Stop after the line that contains "frame((0.0, 0.0, 104.8999)))"; until then, restate each line of the entries word for word from the very first.

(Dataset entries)
__________________________________________________

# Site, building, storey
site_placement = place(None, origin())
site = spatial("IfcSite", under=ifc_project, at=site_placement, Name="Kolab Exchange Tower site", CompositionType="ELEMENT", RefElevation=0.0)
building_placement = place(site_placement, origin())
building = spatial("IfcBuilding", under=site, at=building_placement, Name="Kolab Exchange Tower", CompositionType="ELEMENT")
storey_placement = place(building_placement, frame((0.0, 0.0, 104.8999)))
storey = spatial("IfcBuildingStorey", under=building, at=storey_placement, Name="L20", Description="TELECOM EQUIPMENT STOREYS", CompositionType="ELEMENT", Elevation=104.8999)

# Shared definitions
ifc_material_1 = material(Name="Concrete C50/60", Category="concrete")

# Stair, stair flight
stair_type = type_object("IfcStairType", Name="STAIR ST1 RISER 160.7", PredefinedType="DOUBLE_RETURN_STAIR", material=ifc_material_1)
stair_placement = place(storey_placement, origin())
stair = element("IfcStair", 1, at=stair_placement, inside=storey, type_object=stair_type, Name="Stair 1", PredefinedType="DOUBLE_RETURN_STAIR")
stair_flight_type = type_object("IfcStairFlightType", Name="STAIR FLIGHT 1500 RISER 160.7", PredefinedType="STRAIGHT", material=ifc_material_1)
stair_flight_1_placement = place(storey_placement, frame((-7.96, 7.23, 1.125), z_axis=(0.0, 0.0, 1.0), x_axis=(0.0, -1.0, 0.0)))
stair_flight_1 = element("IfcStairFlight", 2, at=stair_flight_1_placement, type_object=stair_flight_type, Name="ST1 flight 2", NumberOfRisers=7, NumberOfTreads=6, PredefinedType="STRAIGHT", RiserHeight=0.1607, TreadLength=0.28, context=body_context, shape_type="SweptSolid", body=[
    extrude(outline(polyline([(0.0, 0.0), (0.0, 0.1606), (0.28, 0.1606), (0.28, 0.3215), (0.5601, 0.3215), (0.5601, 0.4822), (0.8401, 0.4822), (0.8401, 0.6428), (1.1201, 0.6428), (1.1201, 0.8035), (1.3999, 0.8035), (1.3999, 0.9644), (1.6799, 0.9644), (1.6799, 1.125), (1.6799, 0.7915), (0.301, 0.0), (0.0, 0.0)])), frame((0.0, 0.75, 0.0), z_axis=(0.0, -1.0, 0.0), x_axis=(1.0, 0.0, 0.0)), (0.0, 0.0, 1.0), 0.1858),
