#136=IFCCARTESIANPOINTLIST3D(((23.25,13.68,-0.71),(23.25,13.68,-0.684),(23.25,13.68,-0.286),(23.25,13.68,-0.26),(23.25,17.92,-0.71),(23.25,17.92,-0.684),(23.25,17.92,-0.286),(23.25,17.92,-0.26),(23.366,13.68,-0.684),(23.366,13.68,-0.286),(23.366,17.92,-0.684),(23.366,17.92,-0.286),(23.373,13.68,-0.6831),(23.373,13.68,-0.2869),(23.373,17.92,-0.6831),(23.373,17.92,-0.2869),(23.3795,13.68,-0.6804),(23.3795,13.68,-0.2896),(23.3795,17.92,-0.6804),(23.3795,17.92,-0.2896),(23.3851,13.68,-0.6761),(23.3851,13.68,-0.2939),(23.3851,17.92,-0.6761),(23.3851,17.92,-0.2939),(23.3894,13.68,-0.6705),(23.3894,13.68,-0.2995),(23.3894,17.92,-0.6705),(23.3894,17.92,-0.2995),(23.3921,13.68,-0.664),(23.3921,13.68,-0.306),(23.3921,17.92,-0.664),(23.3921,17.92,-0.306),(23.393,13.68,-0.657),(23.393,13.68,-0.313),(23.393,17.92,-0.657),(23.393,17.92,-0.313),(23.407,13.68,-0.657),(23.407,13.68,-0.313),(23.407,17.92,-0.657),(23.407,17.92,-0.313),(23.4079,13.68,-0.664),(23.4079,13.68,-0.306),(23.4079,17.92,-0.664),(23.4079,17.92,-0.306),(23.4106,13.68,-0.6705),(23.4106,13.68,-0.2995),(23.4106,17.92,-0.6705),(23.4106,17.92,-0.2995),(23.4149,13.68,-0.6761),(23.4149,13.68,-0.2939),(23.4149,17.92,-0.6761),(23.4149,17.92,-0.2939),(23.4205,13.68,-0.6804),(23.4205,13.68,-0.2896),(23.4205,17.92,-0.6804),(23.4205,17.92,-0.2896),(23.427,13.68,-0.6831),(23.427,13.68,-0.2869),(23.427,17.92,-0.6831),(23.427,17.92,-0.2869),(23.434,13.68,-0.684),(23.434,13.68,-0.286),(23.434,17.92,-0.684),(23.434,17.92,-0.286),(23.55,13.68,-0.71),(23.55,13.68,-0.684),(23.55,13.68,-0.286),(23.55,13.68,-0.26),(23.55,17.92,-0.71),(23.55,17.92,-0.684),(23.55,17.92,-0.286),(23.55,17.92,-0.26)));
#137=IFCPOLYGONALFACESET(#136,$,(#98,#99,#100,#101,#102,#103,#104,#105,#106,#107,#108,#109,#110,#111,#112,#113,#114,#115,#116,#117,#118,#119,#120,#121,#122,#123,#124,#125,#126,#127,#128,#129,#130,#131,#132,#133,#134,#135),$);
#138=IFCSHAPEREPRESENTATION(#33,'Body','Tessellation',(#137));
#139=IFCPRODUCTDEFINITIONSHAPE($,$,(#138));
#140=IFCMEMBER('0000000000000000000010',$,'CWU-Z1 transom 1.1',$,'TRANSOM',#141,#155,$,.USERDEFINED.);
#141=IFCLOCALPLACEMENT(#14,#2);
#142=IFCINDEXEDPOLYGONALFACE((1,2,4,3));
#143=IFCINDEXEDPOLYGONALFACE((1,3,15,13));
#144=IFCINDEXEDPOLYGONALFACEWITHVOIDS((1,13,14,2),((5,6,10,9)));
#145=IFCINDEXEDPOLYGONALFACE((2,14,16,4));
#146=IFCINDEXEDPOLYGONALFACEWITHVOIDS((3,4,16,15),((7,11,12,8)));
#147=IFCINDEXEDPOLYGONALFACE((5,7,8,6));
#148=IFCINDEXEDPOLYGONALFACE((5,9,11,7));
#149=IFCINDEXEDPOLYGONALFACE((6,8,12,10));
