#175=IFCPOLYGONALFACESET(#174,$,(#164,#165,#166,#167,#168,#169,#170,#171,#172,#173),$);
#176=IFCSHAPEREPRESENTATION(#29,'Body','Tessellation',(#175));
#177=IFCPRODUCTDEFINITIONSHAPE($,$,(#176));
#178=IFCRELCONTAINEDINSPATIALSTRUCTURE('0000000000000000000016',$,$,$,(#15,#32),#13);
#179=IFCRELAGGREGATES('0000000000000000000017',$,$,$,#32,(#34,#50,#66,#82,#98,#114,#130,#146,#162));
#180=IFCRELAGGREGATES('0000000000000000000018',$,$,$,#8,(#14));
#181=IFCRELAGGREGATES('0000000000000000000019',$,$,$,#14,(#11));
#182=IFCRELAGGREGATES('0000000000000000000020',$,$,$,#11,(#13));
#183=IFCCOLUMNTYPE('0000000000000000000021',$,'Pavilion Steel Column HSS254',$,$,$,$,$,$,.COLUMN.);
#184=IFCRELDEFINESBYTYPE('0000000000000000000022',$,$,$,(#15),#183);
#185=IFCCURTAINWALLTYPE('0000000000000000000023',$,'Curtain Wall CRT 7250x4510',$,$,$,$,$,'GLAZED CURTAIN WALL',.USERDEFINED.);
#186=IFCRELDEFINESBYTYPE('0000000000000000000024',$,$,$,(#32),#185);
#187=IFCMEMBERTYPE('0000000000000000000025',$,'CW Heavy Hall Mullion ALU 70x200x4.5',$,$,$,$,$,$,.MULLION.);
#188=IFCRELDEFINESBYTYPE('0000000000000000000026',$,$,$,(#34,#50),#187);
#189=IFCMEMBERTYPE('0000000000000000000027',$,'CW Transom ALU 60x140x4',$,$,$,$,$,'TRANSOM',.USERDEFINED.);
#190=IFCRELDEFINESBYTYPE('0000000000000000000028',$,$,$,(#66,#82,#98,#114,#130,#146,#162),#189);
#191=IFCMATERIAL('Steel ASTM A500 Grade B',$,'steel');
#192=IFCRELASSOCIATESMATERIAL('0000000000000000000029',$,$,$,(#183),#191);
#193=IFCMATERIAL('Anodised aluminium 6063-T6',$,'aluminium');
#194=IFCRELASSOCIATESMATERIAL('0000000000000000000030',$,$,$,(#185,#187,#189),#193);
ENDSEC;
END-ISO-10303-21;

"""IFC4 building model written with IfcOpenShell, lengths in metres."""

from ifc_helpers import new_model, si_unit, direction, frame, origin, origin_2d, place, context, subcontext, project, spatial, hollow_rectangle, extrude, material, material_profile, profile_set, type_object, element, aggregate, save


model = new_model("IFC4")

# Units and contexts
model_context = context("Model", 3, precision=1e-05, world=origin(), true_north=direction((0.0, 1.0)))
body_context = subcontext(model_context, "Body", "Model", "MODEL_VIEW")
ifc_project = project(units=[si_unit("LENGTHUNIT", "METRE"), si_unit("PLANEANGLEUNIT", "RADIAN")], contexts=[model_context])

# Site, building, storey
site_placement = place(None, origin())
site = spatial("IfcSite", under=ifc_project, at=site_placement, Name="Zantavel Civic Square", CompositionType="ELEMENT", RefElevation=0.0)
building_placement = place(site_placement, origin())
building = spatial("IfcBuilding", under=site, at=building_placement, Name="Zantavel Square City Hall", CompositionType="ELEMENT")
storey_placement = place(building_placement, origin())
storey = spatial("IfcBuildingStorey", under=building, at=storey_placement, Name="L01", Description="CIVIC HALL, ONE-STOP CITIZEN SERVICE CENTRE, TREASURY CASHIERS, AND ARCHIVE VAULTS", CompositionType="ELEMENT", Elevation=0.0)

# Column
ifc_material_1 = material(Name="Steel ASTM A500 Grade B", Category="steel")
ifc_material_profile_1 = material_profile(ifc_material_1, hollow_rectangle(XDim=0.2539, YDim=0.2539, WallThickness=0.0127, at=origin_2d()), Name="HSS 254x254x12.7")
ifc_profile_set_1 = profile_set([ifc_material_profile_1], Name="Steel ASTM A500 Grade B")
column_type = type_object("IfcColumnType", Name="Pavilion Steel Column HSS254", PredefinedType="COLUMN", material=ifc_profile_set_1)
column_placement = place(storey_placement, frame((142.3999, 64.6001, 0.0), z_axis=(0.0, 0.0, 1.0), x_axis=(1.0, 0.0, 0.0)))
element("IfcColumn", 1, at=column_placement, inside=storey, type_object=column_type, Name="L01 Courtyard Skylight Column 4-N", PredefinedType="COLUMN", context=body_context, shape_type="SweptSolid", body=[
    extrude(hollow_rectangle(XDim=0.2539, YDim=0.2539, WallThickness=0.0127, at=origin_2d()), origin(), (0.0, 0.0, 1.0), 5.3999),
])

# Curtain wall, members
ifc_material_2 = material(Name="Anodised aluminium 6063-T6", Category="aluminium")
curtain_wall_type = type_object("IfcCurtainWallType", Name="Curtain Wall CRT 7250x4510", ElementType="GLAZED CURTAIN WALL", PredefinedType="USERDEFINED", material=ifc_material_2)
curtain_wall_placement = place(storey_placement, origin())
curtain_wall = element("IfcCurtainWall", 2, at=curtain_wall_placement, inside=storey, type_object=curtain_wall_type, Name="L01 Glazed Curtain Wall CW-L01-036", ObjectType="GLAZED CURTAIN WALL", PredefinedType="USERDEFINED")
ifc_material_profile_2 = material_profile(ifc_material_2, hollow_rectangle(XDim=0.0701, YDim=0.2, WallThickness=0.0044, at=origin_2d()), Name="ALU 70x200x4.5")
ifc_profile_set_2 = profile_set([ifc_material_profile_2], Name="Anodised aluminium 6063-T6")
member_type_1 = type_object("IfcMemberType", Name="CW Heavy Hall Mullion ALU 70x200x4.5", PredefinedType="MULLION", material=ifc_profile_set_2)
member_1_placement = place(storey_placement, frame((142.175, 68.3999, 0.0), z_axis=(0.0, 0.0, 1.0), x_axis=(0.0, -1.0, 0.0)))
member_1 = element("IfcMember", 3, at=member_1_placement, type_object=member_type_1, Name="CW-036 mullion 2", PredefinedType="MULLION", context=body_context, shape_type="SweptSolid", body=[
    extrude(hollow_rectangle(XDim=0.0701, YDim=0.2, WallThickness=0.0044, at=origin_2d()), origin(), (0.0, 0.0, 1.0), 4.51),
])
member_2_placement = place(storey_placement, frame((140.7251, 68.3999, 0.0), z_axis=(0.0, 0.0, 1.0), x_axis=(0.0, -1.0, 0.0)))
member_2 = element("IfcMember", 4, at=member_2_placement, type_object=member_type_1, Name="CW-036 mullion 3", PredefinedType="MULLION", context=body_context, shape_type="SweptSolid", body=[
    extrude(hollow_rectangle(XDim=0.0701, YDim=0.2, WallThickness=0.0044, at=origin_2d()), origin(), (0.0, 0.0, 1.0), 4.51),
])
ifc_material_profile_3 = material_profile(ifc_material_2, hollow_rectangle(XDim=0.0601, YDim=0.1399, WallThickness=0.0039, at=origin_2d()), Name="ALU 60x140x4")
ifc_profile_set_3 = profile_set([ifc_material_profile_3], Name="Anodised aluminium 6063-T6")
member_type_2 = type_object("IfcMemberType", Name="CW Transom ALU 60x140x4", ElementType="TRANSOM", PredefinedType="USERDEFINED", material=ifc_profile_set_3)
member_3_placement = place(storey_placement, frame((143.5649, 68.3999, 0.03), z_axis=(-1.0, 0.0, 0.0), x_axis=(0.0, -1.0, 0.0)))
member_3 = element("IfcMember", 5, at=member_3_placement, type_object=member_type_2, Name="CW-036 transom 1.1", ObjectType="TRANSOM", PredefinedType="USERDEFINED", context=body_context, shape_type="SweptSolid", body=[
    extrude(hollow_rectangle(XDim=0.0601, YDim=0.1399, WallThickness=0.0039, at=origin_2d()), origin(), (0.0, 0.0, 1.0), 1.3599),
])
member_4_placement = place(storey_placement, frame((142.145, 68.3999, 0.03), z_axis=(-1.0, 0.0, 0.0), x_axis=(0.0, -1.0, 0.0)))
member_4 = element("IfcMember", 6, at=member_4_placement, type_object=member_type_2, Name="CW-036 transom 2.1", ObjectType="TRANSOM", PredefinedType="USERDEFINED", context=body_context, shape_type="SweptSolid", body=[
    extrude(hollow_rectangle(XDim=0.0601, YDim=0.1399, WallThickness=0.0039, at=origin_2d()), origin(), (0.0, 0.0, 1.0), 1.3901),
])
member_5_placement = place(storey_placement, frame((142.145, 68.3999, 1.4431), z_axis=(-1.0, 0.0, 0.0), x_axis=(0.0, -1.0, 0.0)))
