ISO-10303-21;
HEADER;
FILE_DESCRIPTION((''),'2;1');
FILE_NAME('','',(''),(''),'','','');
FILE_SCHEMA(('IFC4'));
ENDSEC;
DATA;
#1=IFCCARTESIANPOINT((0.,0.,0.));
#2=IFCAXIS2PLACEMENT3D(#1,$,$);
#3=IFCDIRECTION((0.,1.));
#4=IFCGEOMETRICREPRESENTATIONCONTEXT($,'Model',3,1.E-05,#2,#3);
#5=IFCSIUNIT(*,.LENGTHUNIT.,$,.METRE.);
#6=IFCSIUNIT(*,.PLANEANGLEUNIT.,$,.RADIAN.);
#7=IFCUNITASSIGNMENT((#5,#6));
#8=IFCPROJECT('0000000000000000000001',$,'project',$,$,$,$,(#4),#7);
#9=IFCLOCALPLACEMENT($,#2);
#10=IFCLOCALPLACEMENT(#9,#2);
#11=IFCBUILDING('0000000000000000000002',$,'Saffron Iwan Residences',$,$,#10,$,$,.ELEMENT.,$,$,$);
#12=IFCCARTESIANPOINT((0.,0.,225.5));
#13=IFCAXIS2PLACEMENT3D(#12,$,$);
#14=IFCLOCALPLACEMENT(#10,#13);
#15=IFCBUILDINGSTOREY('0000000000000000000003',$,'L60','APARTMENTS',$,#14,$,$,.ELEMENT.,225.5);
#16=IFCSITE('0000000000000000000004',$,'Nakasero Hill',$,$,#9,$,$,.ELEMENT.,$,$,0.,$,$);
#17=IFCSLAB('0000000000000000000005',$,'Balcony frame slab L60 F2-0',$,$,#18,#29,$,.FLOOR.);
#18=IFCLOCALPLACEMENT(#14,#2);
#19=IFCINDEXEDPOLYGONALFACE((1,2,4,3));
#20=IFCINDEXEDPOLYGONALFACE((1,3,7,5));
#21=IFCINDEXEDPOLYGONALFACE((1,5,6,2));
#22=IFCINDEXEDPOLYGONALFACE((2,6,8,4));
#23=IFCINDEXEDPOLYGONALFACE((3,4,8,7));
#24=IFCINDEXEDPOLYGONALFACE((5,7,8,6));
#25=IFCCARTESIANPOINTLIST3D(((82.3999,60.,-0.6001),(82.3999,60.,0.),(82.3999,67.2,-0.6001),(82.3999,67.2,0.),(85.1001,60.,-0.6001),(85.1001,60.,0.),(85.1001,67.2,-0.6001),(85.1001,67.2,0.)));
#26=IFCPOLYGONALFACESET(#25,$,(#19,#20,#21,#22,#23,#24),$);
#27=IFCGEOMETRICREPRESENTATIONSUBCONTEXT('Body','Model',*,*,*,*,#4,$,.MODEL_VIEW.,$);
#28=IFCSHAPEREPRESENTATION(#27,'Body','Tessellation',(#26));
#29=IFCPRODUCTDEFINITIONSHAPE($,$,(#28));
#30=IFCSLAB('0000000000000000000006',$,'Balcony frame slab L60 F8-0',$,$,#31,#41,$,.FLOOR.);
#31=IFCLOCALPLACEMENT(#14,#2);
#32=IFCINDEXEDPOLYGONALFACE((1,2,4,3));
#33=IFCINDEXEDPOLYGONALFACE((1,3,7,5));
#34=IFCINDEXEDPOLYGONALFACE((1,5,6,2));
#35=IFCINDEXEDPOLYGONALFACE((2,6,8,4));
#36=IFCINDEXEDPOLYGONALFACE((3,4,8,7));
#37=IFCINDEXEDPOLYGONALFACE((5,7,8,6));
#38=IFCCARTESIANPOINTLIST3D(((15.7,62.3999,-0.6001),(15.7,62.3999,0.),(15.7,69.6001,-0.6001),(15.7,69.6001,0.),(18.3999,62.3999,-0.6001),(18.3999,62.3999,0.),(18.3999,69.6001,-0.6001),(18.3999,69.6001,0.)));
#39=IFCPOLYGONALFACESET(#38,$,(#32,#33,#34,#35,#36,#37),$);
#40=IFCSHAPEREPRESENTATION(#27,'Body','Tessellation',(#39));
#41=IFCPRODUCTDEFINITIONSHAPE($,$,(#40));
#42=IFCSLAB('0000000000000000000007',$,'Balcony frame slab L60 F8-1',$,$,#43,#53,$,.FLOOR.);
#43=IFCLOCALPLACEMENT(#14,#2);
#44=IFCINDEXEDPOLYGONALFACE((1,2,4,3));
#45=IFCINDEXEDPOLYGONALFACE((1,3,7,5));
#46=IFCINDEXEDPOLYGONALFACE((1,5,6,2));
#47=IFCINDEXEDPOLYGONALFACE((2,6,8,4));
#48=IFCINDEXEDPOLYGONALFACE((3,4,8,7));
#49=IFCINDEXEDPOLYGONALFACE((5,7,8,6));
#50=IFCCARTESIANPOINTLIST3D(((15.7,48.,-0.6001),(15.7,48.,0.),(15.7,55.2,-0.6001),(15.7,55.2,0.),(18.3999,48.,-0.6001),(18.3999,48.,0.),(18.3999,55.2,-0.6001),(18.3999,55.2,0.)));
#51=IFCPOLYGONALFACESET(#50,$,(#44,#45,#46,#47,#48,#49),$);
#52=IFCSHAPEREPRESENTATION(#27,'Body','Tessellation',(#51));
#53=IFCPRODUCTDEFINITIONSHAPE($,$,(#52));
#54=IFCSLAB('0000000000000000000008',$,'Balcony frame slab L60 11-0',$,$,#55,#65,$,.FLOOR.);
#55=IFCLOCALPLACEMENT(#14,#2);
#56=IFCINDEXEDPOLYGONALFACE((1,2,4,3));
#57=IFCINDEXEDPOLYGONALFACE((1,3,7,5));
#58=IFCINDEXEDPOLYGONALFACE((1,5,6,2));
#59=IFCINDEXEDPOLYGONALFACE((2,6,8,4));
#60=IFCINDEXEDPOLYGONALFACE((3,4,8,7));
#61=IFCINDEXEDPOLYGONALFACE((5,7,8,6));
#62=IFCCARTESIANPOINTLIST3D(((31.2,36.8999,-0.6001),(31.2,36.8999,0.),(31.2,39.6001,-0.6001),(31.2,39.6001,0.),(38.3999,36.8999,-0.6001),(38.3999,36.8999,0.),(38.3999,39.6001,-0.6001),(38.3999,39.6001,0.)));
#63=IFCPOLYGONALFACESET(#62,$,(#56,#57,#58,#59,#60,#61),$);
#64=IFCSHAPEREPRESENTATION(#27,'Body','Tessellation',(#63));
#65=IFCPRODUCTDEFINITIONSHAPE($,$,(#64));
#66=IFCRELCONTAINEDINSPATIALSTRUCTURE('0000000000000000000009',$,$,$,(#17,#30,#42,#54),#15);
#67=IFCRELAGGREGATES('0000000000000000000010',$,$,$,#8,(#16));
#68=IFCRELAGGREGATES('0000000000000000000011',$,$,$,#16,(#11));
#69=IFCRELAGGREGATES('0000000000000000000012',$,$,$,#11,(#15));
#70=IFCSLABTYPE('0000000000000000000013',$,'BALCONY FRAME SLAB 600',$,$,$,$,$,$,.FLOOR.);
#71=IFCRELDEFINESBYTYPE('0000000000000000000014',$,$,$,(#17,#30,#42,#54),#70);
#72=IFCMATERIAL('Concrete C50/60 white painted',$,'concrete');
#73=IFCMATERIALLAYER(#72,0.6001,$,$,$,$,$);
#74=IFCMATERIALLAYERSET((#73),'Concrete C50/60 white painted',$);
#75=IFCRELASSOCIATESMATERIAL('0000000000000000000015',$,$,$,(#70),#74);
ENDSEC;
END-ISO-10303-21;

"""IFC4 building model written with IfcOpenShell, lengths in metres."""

from ifc_helpers import new_model, si_unit, direction, frame, origin, place, context, subcontext, project, spatial, polyline, outline, extrude, material, layer, layer_set, type_object, element, save


model = new_model("IFC4")

# Units and contexts
model_context = context("Model", 3, precision=1e-05, world=origin(), true_north=direction((0.0, 1.0)))
body_context = subcontext(model_context, "Body", "Model", "MODEL_VIEW")
ifc_project = project(units=[si_unit("LENGTHUNIT", "METRE"), si_unit("PLANEANGLEUNIT", "RADIAN")], contexts=[model_context])

# Site, building, storey
site_placement = place(None, origin())
site = spatial("IfcSite", under=ifc_project, at=site_placement, Name="Nakasero Hill", CompositionType="ELEMENT", RefElevation=0.0)
building_placement = place(site_placement, origin())
building = spatial("IfcBuilding", under=site, at=building_placement, Name="Saffron Iwan Residences", CompositionType="ELEMENT")
storey_placement = place(building_placement, frame((0.0, 0.0, 225.5)))
storey = spatial("IfcBuildingStorey", under=building, at=storey_placement, Name="L60", Description="APARTMENTS", CompositionType="ELEMENT", Elevation=225.5)

# Slabs
ifc_material_1 = material(Name="Concrete C50/60 white painted", Category="concrete")
ifc_layer_1 = layer(ifc_material_1, 0.6001)
ifc_layer_set_1 = layer_set([ifc_layer_1], Name="Concrete C50/60 white painted")
slab_type_1 = type_object("IfcSlabType", Name="BALCONY FRAME SLAB 600", PredefinedType="FLOOR", material=ifc_layer_set_1)
slab_1_placement = place(storey_placement, frame((0.0, 0.0, -0.6001)))
element("IfcSlab", 1, at=slab_1_placement, inside=storey, type_object=slab_type_1, Name="Balcony frame slab L60 F2-0", PredefinedType="FLOOR", context=body_context, shape_type="SweptSolid", body=[
    extrude(outline(polyline([(85.1001, 60.0), (85.1001, 67.2), (82.3999, 67.2), (82.3999, 60.0), (85.1001, 60.0)])), origin(), (0.0, 0.0, 1.0), 0.6001),
])
slab_2_placement = place(storey_placement, frame((0.0, 0.0, -0.6001)))
element("IfcSlab", 2, at=slab_2_placement, inside=storey, type_object=slab_type_1, Name="Balcony frame slab L60 F8-0", PredefinedType="FLOOR", context=body_context, shape_type="SweptSolid", body=[
    extrude(outline(polyline([(15.7, 69.6001), (15.7, 62.3999), (18.3999, 62.3999), (18.3999, 69.6001), (15.7, 69.6001)])), origin(), (0.0, 0.0, 1.0), 0.6001),
])
slab_3_placement = place(storey_placement, frame((0.0, 0.0, -0.6001)))
element("IfcSlab", 3, at=slab_3_placement, inside=storey, type_object=slab_type_1, Name="Balcony frame slab L60 F8-1", PredefinedType="FLOOR", context=body_context, shape_type="SweptSolid", body=[
    extrude(outline(polyline([(15.7, 55.2), (15.7, 48.0), (18.3999, 48.0), (18.3999, 55.2), (15.7, 55.2)])), origin(), (0.0, 0.0, 1.0), 0.6001),
])
slab_4_placement = place(storey_placement, frame((0.0, 0.0, -0.6001)))
element("IfcSlab", 4, at=slab_4_placement, inside=storey, type_object=slab_type_1, Name="Balcony frame slab L60 11-0", PredefinedType="FLOOR", context=body_context, shape_type="SweptSolid", body=[
    extrude(outline(polyline([(31.2, 36.8999), (38.3999, 36.8999), (38.3999, 39.6001), (31.2, 39.6001), (31.2, 36.8999)])), origin(), (0.0, 0.0, 1.0), 0.6001),
])

save(model, "model.ifc")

__________________________________________________

OUTPUT OF THE EXERCISE –
# Site, building, storey
site_placement = place(None, origin())
site = spatial("IfcSite", under=ifc_project, at=site_placement, Name="Kolab Exchange Tower site", CompositionType="ELEMENT", RefElevation=0.0)
building_placement = place(site_placement, origin())
building = spatial("IfcBuilding", under=site, at=building_placement, Name="Kolab Exchange Tower", CompositionType="ELEMENT")
storey_placement = place(building_placement, frame((0.0, 0.0, 104.8999)))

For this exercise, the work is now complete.